- Entries provided:
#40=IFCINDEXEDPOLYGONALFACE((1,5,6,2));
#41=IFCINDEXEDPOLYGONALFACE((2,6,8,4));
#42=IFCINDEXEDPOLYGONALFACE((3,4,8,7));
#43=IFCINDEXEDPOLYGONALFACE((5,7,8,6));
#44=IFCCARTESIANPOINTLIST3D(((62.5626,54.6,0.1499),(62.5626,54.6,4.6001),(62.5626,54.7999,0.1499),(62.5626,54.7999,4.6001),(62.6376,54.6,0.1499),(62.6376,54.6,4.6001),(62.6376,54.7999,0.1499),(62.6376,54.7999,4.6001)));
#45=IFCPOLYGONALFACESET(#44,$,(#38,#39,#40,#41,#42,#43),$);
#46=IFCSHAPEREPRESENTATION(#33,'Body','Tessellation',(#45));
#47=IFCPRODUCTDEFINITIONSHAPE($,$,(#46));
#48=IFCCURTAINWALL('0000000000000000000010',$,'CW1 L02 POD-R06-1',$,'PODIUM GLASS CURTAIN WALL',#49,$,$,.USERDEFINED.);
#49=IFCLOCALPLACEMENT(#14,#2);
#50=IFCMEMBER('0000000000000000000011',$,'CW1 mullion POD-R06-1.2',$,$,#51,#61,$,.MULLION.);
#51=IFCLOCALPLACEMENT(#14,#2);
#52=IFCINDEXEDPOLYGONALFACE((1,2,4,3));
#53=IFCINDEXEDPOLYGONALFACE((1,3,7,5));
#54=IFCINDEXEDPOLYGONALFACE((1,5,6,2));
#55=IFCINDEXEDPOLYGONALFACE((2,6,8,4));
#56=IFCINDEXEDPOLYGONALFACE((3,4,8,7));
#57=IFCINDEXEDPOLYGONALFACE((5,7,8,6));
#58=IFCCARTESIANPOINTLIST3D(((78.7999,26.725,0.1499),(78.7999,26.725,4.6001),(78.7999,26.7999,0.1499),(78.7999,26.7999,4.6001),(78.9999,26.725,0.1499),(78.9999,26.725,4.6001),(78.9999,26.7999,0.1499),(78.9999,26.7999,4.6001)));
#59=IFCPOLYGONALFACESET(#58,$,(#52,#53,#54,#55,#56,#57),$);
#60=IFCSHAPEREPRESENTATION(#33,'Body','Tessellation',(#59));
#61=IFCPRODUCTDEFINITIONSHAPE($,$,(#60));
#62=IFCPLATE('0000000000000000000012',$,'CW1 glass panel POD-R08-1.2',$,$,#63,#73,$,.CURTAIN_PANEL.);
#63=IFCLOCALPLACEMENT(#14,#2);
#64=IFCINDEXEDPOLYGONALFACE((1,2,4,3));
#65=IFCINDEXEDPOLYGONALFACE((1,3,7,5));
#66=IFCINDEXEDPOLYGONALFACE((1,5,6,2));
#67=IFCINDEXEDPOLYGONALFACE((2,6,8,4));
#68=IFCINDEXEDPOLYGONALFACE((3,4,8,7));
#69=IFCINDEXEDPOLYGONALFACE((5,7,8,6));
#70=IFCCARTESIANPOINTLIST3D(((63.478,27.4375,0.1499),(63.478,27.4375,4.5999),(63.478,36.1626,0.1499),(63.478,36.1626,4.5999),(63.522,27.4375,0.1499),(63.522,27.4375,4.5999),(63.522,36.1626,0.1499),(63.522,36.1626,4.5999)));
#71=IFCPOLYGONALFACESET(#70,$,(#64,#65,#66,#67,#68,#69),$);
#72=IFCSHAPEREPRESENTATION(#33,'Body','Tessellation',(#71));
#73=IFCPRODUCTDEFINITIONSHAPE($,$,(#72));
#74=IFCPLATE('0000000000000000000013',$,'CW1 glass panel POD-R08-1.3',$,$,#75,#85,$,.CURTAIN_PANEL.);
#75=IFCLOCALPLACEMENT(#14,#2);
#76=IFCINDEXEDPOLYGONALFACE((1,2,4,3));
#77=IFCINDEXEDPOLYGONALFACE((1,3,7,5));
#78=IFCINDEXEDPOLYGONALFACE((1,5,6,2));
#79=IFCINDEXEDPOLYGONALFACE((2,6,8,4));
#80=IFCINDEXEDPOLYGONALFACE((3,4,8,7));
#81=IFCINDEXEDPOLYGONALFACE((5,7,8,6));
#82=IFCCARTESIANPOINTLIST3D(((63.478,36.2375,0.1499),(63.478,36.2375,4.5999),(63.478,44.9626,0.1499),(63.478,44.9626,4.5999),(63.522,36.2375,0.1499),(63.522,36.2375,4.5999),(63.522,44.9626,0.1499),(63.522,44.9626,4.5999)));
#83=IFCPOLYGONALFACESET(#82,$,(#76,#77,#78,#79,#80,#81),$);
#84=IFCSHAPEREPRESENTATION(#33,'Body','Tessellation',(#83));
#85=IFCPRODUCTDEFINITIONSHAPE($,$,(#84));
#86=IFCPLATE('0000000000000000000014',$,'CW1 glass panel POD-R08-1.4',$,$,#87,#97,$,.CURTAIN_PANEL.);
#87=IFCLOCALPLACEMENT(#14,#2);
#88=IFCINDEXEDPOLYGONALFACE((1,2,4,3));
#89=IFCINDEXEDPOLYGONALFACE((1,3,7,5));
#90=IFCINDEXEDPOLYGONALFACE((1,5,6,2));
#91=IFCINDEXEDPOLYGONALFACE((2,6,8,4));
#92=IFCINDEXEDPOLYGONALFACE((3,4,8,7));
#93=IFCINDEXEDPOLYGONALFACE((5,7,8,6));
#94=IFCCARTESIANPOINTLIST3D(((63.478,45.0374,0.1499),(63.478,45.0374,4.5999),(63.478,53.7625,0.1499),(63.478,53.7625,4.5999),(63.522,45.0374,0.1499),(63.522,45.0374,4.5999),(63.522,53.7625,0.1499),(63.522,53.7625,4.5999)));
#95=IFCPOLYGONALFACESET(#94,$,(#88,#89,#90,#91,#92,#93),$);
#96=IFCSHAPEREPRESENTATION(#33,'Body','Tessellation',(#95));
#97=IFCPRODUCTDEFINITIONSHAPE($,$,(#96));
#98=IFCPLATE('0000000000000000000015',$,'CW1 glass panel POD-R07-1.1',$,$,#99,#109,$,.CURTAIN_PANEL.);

- Work required: Write the records out once more, exactly as shown.

- Result of this task:
#40=IFCINDEXEDPOLYGONALFACE((1,5,6,2));
#41=IFCINDEXEDPOLYGONALFACE((2,6,8,4));
#42=IFCINDEXEDPOLYGONALFACE((3,4,8,7));
#43=IFCINDEXEDPOLYGONALFACE((5,7,8,6));
#44=IFCCARTESIANPOINTLIST3D(((62.5626,54.6,0.1499),(62.5626,54.6,4.6001),(62.5626,54.7999,0.1499),(62.5626,54.7999,4.6001),(62.6376,54.6,0.1499),(62.6376,54.6,4.6001),(62.6376,54.7999,0.1499),(62.6376,54.7999,4.6001)));
#45=IFCPOLYGONALFACESET(#44,$,(#38,#39,#40,#41,#42,#43),$);
#46=IFCSHAPEREPRESENTATION(#33,'Body','Tessellation',(#45));
#47=IFCPRODUCTDEFINITIONSHAPE($,$,(#46));
#48=IFCCURTAINWALL('0000000000000000000010',$,'CW1 L02 POD-R06-1',$,'PODIUM GLASS CURTAIN WALL',#49,$,$,.USERDEFINED.);
#49=IFCLOCALPLACEMENT(#14,#2);
#50=IFCMEMBER('0000000000000000000011',$,'CW1 mullion POD-R06-1.2',$,$,#51,#61,$,.MULLION.);
#51=IFCLOCALPLACEMENT(#14,#2);
#52=IFCINDEXEDPOLYGONALFACE((1,2,4,3));
#53=IFCINDEXEDPOLYGONALFACE((1,3,7,5));
#54=IFCINDEXEDPOLYGONALFACE((1,5,6,2));
#55=IFCINDEXEDPOLYGONALFACE((2,6,8,4));
#56=IFCINDEXEDPOLYGONALFACE((3,4,8,7));
#57=IFCINDEXEDPOLYGONALFACE((5,7,8,6));
#58=IFCCARTESIANPOINTLIST3D(((78.7999,26.725,0.1499),(78.7999,26.725,4.6001),(78.7999,26.7999,0.1499),(78.7999,26.7999,4.6001),(78.9999,26.725,0.1499),(78.9999,26.725,4.6001),(78.9999,26.7999,0.1499),(78.9999,26.7999,4.6001)));
#59=IFCPOLYGONALFACESET(#58,$,(#52,#53,#54,#55,#56,#57),$);
#60=IFCSHAPEREPRESENTATION(#33,'Body','Tessellation',(#59));
#61=IFCPRODUCTDEFINITIONSHAPE($,$,(#60));
#62=IFCPLATE('0000000000000000000012',$,'CW1 glass panel POD-R08-1.2',$,$,#63,#73,$,.CURTAIN_PANEL.);
#63=IFCLOCALPLACEMENT(#14,#2);
#64=IFCINDEXEDPOLYGONALFACE((1,2,4,3));
#65=IFCINDEXEDPOLYGONALFACE((1,3,7,5));
#66=IFCINDEXEDPOLYGONALFACE((1,5,6,2));
#67=IFCINDEXEDPOLYGONALFACE((2,6,8,4));
#68=IFCINDEXEDPOLYGONALFACE((3,4,8,7));
#69=IFCINDEXEDPOLYGONALFACE((5,7,8,6));
#70=IFCCARTESIANPOINTLIST3D(((63.478,27.4375,0.1499),(63.478,27.4375,4.5999),(63.478,36.1626,0.1499),(63.478,36.1626,4.5999),(63.522,27.4375,0.1499),(63.522,27.4375,4.5999),(63.522,36.1626,0.1499),(63.522,36.1626,4.5999)));
#71=IFCPOLYGONALFACESET(#70,$,(#64,#65,#66,#67,#68,#69),$);
#72=IFCSHAPEREPRESENTATION(#33,'Body','Tessellation',(#71));
#73=IFCPRODUCTDEFINITIONSHAPE($,$,(#72));
#74=IFCPLATE('0000000000000000000013',$,'CW1 glass panel POD-R08-1.3',$,$,#75,#85,$,.CURTAIN_PANEL.);
#75=IFCLOCALPLACEMENT(#14,#2);
#76=IFCINDEXEDPOLYGONALFACE((1,2,4,3));
#77=IFCINDEXEDPOLYGONALFACE((1,3,7,5));
#78=IFCINDEXEDPOLYGONALFACE((1,5,6,2));
#79=IFCINDEXEDPOLYGONALFACE((2,6,8,4));
#80=IFCINDEXEDPOLYGONALFACE((3,4,8,7));
#81=IFCINDEXEDPOLYGONALFACE((5,7,8,6));
#82=IFCCARTESIANPOINTLIST3D(((63.478,36.2375,0.1499),(63.478,36.2375,4.5999),(63.478,44.9626,0.1499),(63.478,44.9626,4.5999),(63.522,36.2375,0.1499),(63.522,36.2375,4.5999),(63.522,44.9626,0.1499),(63.522,44.9626,4.5999)));
#83=IFCPOLYGONALFACESET(#82,$,(#76,#77,#78,#79,#80,#81),$);
#84=IFCSHAPEREPRESENTATION(#33,'Body','Tessellation',(#83));
#85=IFCPRODUCTDEFINITIONSHAPE($,$,(#84));
#86=IFCPLATE('0000000000000000000014',$,'CW1 glass panel POD-R08-1.4',$,$,#87,#97,$,.CURTAIN_PANEL.);
#87=IFCLOCALPLACEMENT(#14,#2);
#88=IFCINDEXEDPOLYGONALFACE((1,2,4,3));
#89=IFCINDEXEDPOLYGONALFACE((1,3,7,5));
#90=IFCINDEXEDPOLYGONALFACE((1,5,6,2));
#91=IFCINDEXEDPOLYGONALFACE((2,6,8,4));
#92=IFCINDEXEDPOLYGONALFACE((3,4,8,7));
#93=IFCINDEXEDPOLYGONALFACE((5,7,8,6));
#94=IFCCARTESIANPOINTLIST3D(((63.478,45.0374,0.1499),(63.478,45.0374,4.5999),(63.478,53.7625,0.1499),(63.478,53.7625,4.5999),(63.522,45.0374,0.1499),(63.522,45.0374,4.5999),(63.522,53.7625,0.1499),(63.522,53.7625,4.5999)));
#95=IFCPOLYGONALFACESET(#94,$,(#88,#89,#90,#91,#92,#93),$);
#96=IFCSHAPEREPRESENTATION(#33,'Body','Tessellation',(#95));
#97=IFCPRODUCTDEFINITIONSHAPE($,$,(#96));
#98=IFCPLATE('0000000000000000000015',$,'CW1 glass panel POD-R07-1.1',$,$,#99,#109,$,.CURTAIN_PANEL.);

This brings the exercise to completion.